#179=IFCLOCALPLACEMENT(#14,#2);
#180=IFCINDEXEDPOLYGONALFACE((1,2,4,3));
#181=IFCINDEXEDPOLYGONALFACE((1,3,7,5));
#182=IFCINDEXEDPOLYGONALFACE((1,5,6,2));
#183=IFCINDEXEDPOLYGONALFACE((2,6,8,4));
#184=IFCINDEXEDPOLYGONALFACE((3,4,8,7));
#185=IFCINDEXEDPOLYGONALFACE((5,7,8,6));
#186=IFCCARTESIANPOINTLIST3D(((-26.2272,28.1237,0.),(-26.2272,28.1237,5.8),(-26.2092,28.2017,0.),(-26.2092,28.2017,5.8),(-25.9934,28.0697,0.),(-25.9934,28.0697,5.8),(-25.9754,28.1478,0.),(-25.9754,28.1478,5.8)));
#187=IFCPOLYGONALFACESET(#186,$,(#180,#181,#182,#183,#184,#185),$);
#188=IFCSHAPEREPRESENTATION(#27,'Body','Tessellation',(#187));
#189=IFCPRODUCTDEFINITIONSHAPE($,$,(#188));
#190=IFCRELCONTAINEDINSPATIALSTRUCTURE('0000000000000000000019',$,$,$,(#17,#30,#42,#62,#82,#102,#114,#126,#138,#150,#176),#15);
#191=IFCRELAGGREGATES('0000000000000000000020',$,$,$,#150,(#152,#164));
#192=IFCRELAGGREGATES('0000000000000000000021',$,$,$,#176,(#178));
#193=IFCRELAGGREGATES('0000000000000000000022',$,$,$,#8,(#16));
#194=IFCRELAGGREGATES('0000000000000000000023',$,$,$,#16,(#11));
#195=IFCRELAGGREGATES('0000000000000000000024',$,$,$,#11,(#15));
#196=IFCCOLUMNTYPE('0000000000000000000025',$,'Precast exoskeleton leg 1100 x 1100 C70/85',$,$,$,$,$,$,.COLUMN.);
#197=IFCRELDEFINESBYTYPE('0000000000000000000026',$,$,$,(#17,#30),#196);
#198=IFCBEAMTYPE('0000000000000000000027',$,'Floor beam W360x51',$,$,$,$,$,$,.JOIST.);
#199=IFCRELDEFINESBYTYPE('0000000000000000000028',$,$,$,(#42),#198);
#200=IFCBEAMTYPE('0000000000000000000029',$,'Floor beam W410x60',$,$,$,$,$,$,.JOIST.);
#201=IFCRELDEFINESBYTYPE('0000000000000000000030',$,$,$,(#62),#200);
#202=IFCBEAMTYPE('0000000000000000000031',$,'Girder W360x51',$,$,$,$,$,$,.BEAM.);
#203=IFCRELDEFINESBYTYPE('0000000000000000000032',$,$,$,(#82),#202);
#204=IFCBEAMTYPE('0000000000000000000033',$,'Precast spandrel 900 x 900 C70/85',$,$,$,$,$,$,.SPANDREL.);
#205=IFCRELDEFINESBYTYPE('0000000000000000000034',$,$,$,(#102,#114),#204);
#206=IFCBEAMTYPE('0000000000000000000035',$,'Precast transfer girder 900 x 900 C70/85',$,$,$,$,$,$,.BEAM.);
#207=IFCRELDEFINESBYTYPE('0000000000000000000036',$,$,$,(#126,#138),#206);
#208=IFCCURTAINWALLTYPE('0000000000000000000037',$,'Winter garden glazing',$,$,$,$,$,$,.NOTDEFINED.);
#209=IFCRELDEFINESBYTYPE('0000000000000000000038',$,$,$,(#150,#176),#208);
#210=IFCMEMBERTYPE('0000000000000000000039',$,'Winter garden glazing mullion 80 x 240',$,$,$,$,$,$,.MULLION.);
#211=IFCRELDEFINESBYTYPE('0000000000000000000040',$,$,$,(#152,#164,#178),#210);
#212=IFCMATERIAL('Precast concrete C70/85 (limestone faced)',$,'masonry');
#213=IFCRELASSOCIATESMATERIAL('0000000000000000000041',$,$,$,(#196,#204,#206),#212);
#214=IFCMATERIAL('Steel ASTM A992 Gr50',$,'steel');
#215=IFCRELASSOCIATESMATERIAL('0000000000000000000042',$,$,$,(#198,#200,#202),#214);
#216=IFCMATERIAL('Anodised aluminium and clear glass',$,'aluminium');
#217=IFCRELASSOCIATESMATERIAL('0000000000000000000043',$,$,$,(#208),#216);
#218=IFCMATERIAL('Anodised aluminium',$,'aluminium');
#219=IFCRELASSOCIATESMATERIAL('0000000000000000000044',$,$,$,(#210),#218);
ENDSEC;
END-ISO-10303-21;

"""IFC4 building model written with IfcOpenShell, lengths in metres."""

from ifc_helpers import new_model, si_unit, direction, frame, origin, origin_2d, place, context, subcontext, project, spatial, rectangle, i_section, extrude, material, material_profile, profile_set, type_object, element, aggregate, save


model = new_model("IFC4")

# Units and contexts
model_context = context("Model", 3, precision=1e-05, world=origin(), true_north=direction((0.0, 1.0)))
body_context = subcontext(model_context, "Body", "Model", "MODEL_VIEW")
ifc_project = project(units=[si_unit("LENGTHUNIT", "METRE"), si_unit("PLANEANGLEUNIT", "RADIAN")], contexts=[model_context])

* * *

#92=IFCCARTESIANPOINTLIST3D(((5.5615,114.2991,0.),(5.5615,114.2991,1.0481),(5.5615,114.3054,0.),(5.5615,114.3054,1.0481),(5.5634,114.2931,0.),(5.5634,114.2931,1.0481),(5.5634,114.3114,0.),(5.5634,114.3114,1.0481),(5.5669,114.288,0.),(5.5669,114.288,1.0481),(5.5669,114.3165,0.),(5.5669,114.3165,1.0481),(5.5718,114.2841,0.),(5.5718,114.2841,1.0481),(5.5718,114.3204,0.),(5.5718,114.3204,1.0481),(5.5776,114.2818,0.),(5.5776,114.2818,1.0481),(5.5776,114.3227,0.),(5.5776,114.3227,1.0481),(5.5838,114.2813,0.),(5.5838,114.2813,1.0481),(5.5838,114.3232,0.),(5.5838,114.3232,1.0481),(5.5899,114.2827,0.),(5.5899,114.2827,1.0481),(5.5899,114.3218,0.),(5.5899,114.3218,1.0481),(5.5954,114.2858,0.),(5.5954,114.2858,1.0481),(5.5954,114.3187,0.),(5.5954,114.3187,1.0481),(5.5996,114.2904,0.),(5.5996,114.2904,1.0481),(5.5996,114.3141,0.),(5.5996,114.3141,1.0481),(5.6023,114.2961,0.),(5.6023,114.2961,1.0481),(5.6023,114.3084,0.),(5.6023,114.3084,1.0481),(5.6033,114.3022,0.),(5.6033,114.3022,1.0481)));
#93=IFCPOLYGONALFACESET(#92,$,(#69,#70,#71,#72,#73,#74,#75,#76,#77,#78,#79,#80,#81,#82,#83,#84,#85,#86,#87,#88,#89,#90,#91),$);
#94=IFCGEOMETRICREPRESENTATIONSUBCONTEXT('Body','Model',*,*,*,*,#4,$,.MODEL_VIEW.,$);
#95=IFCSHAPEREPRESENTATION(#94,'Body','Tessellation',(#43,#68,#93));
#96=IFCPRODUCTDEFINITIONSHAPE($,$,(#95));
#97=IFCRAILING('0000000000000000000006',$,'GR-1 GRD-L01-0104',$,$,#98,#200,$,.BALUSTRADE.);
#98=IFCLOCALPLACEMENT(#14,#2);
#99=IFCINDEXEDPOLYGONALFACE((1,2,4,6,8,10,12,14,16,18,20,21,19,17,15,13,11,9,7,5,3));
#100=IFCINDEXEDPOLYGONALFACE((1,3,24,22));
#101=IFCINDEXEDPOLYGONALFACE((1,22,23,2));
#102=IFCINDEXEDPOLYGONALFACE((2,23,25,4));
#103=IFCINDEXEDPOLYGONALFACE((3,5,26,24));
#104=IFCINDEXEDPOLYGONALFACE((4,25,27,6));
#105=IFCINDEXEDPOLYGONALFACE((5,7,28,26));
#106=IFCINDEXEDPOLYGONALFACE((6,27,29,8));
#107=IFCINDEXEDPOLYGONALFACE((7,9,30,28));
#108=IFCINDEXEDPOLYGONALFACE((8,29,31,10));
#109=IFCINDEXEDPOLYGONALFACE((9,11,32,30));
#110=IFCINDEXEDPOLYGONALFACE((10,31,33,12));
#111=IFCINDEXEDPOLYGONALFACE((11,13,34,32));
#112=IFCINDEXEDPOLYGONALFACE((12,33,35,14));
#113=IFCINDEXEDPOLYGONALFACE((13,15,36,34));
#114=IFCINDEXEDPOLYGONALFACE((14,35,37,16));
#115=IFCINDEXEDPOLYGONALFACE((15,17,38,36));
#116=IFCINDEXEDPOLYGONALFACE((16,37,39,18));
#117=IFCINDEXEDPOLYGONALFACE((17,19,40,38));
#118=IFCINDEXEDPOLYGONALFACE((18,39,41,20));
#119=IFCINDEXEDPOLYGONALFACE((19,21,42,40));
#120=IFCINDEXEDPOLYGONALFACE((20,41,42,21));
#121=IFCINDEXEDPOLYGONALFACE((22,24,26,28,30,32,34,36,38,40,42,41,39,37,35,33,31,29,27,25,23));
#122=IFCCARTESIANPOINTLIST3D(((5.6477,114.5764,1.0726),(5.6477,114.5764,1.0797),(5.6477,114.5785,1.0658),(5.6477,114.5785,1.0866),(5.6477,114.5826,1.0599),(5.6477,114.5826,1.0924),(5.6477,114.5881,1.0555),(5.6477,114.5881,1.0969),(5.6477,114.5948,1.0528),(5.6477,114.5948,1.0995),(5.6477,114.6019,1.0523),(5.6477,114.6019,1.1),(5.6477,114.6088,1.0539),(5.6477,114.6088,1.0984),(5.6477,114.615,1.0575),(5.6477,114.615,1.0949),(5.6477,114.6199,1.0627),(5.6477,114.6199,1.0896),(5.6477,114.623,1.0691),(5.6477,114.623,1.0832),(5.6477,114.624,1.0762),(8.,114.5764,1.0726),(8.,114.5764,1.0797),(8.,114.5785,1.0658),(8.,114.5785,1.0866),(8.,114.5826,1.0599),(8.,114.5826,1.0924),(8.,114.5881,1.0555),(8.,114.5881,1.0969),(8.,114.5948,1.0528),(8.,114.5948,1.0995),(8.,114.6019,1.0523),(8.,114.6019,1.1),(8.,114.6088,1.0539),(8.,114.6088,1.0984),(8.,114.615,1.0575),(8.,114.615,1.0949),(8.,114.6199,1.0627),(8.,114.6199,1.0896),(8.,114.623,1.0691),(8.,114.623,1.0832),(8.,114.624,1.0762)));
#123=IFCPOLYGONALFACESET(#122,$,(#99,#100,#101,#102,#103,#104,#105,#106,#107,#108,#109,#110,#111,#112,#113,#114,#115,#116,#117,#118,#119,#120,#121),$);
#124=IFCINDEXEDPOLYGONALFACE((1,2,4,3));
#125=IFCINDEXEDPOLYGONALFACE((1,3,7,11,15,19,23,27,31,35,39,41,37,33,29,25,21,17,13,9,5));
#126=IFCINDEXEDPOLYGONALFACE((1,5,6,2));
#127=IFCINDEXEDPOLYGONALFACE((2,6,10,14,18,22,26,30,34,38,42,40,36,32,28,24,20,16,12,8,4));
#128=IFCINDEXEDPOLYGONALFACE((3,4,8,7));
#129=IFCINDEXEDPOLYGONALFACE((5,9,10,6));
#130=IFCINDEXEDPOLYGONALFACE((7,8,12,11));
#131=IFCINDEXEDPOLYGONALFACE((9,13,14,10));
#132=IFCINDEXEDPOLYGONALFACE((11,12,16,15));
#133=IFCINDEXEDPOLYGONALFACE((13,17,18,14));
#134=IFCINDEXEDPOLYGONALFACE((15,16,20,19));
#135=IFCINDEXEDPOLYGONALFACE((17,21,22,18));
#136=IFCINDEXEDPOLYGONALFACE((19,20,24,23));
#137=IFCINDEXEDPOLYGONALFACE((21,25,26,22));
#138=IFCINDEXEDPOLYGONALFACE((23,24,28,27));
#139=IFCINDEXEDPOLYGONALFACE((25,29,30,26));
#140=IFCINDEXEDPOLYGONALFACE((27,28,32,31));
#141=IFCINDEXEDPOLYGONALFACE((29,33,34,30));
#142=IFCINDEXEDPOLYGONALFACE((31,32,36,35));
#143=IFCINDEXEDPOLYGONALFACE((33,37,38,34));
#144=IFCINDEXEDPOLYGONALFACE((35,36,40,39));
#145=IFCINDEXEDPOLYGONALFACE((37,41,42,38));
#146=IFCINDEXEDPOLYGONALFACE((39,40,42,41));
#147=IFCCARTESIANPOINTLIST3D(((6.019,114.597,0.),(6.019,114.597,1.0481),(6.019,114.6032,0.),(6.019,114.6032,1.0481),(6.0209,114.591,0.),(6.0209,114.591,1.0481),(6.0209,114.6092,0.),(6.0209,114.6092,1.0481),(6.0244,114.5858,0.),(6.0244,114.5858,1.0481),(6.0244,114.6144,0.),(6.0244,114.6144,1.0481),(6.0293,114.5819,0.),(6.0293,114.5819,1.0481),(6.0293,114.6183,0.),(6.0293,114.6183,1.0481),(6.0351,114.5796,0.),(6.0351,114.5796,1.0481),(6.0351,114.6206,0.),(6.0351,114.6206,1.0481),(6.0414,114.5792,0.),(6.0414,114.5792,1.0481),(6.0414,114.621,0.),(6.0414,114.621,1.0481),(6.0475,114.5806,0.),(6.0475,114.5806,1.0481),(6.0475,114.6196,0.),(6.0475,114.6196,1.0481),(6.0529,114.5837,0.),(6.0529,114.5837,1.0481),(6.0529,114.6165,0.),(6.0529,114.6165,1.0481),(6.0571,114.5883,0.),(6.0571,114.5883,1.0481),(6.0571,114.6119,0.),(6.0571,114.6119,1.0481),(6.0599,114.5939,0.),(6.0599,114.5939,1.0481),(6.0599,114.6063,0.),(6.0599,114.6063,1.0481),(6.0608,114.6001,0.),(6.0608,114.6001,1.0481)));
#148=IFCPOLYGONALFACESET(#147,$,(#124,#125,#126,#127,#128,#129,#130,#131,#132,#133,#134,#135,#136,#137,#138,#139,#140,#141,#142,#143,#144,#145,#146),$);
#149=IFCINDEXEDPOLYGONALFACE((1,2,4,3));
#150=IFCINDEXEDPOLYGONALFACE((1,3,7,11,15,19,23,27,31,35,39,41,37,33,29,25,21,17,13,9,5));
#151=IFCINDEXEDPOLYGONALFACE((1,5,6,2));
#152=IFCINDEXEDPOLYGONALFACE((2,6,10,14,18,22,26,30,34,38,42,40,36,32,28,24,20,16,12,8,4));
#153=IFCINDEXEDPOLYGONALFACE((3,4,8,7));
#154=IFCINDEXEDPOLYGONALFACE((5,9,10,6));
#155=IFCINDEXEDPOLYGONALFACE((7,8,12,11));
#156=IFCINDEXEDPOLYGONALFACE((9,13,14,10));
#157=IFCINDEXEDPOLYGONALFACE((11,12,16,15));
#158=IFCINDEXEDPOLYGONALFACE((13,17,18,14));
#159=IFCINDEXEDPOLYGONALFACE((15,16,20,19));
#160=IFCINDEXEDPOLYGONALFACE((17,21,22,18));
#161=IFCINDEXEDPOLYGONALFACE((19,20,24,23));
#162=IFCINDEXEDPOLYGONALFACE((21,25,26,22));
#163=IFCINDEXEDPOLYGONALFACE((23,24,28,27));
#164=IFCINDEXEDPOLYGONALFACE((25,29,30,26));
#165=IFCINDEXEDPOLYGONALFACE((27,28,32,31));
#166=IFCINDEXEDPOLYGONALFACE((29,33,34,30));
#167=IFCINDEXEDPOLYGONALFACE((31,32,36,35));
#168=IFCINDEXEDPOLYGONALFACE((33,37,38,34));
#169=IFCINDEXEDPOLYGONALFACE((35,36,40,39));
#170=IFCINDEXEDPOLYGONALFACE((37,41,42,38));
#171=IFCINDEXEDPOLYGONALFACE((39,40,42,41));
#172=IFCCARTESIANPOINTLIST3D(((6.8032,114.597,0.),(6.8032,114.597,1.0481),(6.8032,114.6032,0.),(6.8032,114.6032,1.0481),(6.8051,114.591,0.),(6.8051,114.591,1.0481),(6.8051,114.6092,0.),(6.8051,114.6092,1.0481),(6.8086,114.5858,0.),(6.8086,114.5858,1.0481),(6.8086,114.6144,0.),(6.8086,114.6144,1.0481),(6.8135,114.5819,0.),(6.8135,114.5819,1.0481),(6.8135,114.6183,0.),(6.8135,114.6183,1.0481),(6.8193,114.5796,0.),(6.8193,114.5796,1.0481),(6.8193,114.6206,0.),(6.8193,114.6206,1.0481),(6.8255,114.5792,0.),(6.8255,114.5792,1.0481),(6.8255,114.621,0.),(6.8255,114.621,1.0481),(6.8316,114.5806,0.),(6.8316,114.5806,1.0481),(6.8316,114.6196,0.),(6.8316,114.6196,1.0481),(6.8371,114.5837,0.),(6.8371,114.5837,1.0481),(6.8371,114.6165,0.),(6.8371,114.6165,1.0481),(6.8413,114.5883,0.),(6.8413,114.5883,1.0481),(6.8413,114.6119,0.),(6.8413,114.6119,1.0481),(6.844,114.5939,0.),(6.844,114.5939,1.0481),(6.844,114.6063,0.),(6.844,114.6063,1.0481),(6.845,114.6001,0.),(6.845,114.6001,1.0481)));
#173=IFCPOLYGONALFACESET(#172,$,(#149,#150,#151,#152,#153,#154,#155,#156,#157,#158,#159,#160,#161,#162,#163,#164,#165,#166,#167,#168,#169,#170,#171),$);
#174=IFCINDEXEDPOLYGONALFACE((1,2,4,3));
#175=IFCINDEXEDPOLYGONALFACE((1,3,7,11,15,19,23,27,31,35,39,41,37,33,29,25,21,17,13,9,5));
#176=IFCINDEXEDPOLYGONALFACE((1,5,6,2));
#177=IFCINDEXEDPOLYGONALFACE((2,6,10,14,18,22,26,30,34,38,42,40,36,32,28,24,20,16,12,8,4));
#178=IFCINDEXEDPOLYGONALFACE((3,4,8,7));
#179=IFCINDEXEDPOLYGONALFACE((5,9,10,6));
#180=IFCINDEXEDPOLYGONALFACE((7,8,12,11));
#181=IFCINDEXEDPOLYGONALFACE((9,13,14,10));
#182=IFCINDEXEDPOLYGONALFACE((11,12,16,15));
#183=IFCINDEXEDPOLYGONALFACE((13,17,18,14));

• TASK INSTRUCTIONS:
Scan the material for "IFCMATERIAL" and copy the lines that hold it.

• RESPONSE BOX:
#212=IFCMATERIAL('Precast concrete C70/85 (limestone faced)',$,'masonry');
#214=IFCMATERIAL('Steel ASTM A992 Gr50',$,'steel');
#216=IFCMATERIAL('Anodised aluminium and clear glass',$,'aluminium');
#218=IFCMATERIAL('Anodised aluminium',$,'aluminium');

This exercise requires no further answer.